» EXERCISE:
In the listing below, locate the line that contains "#123=IFCLOCALPLACEMENT(#14,#2);" and the line that contains "#129=IFCINDEXEDPOLYGONALFACE((5,7,8,6));". Restate word for word those two lines and every line between them, and nothing else.

----

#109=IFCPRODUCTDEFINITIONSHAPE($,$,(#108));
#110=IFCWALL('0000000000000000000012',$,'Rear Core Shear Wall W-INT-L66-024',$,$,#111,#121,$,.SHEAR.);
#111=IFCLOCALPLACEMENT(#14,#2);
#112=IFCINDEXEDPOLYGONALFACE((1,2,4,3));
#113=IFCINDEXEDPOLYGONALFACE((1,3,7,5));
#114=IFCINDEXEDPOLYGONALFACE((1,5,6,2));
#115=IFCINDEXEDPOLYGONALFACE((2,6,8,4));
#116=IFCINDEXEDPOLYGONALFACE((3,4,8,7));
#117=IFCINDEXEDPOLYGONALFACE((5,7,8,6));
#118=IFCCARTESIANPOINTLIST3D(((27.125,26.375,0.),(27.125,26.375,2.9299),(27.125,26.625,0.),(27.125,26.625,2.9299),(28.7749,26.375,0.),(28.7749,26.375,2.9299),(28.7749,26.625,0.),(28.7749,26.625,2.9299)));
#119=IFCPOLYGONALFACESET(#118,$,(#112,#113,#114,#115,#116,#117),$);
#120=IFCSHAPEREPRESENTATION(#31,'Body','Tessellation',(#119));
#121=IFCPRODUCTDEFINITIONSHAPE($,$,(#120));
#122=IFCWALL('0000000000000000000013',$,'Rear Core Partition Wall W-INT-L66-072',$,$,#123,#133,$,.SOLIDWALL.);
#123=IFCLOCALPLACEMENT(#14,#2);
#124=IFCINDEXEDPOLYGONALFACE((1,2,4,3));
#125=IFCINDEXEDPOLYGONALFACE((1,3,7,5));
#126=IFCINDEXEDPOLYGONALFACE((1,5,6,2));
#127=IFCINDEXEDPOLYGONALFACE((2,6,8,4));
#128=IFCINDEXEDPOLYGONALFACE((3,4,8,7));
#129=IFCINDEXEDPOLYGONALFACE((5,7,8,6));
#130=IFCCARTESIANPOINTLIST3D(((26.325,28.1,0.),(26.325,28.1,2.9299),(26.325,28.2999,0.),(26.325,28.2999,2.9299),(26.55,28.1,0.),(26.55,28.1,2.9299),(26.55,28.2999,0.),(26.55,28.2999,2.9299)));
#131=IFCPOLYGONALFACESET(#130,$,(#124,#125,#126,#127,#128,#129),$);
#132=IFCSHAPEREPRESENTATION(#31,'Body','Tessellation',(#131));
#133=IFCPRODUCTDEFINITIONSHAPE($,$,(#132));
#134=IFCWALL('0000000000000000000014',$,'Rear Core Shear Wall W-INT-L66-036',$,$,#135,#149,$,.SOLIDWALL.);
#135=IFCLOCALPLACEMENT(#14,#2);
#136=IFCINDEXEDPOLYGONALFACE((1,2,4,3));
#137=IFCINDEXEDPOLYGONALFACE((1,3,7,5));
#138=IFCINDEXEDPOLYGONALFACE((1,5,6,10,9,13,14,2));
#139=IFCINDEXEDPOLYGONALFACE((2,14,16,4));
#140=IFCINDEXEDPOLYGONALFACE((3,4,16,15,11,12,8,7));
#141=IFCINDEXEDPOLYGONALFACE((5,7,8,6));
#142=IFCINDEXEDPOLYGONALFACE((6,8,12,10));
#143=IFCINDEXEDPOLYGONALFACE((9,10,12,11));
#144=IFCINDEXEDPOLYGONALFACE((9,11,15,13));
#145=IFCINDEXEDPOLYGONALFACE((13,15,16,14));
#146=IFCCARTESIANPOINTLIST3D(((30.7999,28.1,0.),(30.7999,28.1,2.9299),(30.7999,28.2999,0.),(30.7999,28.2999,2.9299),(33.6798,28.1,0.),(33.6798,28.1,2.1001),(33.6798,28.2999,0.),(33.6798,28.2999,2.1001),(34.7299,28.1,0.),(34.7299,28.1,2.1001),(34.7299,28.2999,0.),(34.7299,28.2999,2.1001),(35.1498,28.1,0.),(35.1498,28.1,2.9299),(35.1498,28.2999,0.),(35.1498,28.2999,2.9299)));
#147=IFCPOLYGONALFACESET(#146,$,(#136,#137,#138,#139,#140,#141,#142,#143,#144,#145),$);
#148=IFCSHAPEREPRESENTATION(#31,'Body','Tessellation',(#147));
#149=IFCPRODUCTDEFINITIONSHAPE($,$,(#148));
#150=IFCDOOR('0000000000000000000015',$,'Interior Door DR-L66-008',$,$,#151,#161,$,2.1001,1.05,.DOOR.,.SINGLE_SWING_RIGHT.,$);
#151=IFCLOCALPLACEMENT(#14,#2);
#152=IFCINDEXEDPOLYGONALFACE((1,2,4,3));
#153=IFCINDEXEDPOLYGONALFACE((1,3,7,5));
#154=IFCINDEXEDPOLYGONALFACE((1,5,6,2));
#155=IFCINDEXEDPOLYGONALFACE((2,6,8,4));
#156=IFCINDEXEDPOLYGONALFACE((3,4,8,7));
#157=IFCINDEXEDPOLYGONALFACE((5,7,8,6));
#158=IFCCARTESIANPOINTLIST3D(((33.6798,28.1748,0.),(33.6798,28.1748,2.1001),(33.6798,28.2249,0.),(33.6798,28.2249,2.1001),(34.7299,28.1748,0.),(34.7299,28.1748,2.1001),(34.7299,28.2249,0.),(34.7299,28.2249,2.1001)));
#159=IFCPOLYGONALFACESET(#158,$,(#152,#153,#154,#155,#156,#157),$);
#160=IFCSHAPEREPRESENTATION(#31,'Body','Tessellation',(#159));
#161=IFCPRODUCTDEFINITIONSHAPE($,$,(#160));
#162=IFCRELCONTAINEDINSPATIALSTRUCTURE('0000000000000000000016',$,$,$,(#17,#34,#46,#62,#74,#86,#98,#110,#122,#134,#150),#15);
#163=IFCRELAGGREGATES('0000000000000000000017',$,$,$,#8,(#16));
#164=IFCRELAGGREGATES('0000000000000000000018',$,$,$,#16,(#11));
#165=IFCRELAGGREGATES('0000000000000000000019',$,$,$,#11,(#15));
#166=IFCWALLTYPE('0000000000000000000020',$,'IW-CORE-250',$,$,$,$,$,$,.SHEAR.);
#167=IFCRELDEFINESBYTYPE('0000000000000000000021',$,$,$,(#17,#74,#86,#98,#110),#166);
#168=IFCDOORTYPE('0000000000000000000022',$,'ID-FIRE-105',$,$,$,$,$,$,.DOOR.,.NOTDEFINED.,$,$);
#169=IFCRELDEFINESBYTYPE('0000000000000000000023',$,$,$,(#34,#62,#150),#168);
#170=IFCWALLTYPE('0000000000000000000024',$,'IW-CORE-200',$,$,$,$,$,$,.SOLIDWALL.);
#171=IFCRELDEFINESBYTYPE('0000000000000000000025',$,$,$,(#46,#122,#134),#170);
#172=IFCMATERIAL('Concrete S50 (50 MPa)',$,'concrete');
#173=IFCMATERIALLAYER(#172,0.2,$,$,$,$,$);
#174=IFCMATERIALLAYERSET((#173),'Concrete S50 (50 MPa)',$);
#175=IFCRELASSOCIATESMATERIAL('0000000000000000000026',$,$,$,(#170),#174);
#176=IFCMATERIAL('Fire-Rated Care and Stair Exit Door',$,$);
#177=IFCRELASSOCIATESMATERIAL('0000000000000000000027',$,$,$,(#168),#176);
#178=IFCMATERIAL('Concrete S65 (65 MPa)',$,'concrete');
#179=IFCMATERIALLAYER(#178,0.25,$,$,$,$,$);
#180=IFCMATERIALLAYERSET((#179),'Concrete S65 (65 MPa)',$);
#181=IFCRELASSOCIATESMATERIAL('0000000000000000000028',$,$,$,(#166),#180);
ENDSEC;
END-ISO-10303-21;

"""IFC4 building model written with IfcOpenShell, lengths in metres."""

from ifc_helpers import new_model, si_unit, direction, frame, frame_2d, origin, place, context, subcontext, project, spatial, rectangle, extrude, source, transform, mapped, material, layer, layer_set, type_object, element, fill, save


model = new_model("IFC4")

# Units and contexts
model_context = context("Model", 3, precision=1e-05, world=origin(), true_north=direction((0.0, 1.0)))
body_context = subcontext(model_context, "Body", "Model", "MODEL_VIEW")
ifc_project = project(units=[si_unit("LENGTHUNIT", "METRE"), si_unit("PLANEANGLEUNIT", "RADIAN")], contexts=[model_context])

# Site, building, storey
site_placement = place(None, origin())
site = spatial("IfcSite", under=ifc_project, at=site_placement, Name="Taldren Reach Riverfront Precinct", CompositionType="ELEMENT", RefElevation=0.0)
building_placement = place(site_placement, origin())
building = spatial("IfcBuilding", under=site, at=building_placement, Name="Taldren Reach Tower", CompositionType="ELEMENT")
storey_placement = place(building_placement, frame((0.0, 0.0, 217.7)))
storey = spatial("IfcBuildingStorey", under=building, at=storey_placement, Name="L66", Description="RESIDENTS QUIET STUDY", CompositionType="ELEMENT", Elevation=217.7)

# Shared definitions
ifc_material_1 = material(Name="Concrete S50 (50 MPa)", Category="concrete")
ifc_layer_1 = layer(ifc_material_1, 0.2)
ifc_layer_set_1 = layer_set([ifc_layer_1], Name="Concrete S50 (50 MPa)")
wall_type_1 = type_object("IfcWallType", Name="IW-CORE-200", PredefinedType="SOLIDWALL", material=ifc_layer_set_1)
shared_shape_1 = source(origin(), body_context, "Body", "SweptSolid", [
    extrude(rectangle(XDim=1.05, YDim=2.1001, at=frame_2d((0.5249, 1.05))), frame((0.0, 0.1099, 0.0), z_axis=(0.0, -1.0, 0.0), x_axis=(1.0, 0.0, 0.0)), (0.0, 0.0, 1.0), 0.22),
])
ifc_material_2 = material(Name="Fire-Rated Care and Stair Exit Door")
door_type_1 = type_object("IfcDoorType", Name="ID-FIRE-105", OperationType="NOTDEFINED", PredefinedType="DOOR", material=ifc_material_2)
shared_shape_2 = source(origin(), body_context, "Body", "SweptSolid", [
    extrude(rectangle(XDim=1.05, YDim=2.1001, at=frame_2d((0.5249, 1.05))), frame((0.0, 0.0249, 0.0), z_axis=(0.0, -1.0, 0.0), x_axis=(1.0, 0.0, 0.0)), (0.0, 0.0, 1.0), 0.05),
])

----

» ANSWER TO THIS TASK:
#123=IFCLOCALPLACEMENT(#14,#2);
#124=IFCINDEXEDPOLYGONALFACE((1,2,4,3));
#125=IFCINDEXEDPOLYGONALFACE((1,3,7,5));
#126=IFCINDEXEDPOLYGONALFACE((1,5,6,2));
#127=IFCINDEXEDPOLYGONALFACE((2,6,8,4));
#128=IFCINDEXEDPOLYGONALFACE((3,4,8,7));
#129=IFCINDEXEDPOLYGONALFACE((5,7,8,6));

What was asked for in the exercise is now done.